**TASK**
The required output is the line containing "# Units and contexts" followed by every later line through the end of the data, all reproduced exactly.

**DATA SHOWN**
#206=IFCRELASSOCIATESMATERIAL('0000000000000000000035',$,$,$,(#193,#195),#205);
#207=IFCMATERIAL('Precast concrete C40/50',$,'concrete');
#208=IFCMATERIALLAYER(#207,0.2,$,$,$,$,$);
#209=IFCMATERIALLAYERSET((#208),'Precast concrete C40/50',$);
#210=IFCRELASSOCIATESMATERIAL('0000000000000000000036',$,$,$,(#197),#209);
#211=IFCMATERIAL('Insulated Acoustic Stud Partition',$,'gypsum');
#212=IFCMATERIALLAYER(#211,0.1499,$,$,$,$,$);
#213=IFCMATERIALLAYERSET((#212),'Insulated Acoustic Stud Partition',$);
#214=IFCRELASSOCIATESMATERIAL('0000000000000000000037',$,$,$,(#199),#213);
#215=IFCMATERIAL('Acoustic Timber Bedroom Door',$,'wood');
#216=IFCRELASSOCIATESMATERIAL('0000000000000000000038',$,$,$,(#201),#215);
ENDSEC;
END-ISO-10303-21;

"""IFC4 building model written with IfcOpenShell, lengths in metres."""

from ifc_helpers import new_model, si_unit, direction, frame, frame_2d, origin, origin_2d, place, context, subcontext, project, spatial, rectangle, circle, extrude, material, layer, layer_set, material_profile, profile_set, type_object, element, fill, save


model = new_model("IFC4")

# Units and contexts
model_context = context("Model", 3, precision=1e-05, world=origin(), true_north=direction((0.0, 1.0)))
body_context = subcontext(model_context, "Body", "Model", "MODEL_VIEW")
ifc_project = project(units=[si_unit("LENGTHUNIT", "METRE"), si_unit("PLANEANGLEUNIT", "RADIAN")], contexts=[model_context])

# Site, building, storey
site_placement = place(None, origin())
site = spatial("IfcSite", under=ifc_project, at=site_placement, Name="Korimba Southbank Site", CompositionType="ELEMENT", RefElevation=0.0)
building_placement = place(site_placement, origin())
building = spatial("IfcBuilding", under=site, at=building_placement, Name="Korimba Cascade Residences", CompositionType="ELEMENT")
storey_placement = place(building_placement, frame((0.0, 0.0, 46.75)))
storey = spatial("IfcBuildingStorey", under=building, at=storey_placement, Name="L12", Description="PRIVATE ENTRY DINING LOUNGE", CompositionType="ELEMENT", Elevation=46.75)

**SOLUTION TO THIS TASK**
# Units and contexts
model_context = context("Model", 3, precision=1e-05, world=origin(), true_north=direction((0.0, 1.0)))
body_context = subcontext(model_context, "Body", "Model", "MODEL_VIEW")
ifc_project = project(units=[si_unit("LENGTHUNIT", "METRE"), si_unit("PLANEANGLEUNIT", "RADIAN")], contexts=[model_context])

# Site, building, storey
site_placement = place(None, origin())
site = spatial("IfcSite", under=ifc_project, at=site_placement, Name="Korimba Southbank Site", CompositionType="ELEMENT", RefElevation=0.0)
building_placement = place(site_placement, origin())
building = spatial("IfcBuilding", under=site, at=building_placement, Name="Korimba Cascade Residences", CompositionType="ELEMENT")
storey_placement = place(building_placement, frame((0.0, 0.0, 46.75)))
storey = spatial("IfcBuildingStorey", under=building, at=storey_placement, Name="L12", Description="PRIVATE ENTRY DINING LOUNGE", CompositionType="ELEMENT", Elevation=46.75)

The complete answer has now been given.